> _DIRECTIONS FOR THIS TASK_
Among the entries below, count the lines that contain the word "IFCINDEXEDPOLYGONALFACEWITHVOIDS". Write down only the total.

|---|

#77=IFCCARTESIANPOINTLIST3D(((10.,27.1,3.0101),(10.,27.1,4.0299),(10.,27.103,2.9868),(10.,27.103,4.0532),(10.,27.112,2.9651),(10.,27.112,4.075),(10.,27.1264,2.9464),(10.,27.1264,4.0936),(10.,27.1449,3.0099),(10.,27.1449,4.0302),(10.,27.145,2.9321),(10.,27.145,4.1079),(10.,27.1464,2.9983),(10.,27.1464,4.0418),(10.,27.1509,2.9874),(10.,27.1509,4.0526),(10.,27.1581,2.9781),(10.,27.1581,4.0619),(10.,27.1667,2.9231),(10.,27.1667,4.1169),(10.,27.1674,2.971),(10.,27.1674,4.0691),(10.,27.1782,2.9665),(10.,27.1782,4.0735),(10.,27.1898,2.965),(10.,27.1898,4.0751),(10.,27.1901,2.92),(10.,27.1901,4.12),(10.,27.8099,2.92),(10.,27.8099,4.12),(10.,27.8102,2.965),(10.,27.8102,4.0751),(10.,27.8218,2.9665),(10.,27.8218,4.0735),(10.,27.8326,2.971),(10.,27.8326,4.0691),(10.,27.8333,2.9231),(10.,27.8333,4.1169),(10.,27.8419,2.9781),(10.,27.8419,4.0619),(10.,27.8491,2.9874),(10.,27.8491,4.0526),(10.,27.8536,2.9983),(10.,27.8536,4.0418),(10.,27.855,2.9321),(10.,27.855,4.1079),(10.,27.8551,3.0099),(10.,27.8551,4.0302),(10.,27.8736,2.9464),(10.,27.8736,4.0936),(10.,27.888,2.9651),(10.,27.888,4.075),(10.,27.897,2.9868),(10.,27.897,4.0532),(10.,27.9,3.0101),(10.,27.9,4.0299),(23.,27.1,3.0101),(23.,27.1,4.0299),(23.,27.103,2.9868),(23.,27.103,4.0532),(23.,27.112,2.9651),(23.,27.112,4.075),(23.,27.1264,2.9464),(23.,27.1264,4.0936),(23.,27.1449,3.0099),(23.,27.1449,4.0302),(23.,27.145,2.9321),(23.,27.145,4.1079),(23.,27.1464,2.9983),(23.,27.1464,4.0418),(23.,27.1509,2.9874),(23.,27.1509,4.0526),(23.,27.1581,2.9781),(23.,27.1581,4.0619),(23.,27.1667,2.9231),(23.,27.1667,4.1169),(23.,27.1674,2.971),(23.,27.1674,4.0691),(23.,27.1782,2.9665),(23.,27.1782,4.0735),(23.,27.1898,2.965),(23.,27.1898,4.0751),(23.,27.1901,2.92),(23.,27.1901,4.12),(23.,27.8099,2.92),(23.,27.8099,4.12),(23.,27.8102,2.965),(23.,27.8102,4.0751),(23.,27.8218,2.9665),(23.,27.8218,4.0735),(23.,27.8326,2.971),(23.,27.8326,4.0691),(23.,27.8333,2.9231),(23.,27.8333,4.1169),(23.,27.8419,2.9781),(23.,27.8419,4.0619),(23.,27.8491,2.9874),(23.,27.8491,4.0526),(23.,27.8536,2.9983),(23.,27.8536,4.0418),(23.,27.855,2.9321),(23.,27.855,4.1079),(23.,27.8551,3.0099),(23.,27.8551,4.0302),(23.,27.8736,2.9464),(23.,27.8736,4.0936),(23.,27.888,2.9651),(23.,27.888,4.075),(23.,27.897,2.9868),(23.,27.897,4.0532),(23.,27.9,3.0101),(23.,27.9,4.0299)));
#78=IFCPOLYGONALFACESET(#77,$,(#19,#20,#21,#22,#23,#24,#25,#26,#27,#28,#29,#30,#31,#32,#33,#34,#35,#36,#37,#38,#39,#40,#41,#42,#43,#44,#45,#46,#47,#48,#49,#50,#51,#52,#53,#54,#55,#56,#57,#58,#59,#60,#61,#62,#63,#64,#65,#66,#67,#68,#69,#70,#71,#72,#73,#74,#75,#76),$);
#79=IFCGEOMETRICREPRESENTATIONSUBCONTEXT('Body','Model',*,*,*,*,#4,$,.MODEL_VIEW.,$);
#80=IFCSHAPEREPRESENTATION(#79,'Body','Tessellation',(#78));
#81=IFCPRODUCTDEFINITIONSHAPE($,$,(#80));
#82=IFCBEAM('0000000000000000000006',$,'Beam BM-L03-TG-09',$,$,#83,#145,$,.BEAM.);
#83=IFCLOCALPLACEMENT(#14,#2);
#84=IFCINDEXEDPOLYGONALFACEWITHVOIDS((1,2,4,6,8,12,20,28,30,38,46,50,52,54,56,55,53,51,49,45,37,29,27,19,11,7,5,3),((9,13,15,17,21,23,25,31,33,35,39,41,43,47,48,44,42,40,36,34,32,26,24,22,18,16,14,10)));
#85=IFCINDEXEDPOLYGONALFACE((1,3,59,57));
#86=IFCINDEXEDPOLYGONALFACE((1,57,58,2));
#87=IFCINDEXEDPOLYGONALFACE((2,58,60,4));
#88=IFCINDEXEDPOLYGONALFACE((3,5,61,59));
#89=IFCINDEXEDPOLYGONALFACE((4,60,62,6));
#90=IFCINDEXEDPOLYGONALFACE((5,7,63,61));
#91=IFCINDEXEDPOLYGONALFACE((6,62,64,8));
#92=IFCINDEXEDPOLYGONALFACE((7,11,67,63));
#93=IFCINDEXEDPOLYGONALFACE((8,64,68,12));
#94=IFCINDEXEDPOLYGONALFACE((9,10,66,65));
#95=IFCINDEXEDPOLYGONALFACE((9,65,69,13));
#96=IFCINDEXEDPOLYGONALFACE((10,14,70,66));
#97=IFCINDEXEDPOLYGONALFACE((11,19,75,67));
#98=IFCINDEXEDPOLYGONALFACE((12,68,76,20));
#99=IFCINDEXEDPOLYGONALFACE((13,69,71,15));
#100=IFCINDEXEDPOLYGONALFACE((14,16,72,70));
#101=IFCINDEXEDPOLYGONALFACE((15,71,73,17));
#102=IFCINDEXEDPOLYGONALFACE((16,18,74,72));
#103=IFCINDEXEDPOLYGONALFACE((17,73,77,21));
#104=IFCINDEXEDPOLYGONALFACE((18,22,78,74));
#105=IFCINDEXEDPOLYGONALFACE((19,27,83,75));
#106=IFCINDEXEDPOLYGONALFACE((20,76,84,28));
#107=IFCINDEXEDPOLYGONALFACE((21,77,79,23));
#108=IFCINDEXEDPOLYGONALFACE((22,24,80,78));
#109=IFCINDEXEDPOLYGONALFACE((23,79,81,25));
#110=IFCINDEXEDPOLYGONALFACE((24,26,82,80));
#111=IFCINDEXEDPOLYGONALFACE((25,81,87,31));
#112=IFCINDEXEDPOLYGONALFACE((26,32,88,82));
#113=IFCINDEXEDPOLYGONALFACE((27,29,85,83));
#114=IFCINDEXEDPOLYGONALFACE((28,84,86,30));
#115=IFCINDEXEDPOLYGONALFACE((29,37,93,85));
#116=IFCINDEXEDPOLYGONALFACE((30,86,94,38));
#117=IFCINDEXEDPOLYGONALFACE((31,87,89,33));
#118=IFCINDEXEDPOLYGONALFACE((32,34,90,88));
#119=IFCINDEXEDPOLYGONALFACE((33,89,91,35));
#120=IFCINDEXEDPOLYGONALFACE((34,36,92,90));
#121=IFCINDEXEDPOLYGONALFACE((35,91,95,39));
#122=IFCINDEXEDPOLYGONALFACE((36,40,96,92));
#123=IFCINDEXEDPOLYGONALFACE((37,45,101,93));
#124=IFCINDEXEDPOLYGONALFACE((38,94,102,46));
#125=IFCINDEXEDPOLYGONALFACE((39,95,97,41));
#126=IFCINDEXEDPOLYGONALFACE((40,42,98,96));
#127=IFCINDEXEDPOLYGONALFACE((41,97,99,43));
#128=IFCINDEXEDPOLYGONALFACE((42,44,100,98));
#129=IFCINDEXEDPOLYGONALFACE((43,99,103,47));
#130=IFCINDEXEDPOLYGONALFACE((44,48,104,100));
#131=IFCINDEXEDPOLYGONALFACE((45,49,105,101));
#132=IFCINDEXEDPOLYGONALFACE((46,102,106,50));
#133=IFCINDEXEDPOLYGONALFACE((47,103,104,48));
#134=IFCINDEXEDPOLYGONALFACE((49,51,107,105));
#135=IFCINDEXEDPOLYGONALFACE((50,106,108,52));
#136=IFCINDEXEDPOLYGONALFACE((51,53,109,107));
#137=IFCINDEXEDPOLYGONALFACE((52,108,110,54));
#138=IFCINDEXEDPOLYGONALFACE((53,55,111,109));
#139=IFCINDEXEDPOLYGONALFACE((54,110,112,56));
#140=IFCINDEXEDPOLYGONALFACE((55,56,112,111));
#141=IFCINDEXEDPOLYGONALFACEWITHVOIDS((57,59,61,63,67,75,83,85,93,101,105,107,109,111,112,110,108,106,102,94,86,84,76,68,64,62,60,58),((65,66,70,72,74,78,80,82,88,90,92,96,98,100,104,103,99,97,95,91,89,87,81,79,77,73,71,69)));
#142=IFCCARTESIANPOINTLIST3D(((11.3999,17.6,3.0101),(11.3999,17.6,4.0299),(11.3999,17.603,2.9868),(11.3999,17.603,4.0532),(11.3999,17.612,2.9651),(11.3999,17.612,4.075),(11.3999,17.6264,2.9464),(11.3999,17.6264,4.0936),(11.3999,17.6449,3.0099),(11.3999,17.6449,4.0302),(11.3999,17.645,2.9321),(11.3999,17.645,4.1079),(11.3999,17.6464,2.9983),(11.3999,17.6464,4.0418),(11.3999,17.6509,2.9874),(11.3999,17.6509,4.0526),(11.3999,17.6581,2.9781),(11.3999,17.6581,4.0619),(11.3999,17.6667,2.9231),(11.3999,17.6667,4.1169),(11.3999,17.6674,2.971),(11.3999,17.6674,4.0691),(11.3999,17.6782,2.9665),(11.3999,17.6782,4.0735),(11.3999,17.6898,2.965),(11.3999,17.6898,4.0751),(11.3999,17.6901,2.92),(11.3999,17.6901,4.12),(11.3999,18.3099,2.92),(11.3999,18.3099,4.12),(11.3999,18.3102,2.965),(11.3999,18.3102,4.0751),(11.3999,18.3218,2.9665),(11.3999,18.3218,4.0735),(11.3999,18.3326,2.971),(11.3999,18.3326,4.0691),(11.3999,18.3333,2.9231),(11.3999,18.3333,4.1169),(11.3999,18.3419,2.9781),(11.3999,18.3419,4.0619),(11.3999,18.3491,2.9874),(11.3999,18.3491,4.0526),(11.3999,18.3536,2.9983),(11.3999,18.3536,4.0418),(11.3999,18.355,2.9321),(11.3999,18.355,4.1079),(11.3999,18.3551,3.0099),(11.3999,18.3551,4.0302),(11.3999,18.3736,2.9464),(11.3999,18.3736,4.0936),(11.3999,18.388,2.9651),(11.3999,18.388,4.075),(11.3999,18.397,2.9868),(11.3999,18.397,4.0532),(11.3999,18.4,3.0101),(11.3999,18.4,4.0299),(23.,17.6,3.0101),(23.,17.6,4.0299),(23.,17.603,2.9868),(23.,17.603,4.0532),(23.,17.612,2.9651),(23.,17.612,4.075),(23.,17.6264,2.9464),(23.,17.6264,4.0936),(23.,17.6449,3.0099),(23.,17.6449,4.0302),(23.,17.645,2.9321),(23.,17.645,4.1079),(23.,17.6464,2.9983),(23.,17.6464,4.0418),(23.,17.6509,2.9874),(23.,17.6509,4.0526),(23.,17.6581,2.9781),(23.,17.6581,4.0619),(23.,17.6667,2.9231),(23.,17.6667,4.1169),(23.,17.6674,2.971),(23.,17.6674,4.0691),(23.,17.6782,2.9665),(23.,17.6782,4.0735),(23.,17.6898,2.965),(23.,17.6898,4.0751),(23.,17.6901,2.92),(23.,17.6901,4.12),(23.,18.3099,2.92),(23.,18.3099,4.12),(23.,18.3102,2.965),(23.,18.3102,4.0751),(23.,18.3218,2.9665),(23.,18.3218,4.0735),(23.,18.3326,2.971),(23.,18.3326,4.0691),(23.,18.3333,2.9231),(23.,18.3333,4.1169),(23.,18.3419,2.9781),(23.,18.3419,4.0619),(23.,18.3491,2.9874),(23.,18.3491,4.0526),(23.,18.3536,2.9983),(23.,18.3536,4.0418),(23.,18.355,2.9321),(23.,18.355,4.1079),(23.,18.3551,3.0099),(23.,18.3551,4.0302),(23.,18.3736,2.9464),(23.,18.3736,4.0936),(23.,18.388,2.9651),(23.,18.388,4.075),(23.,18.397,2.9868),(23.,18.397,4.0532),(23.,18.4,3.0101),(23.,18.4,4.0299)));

|---|

> _ANSWER TO THIS TASK_
2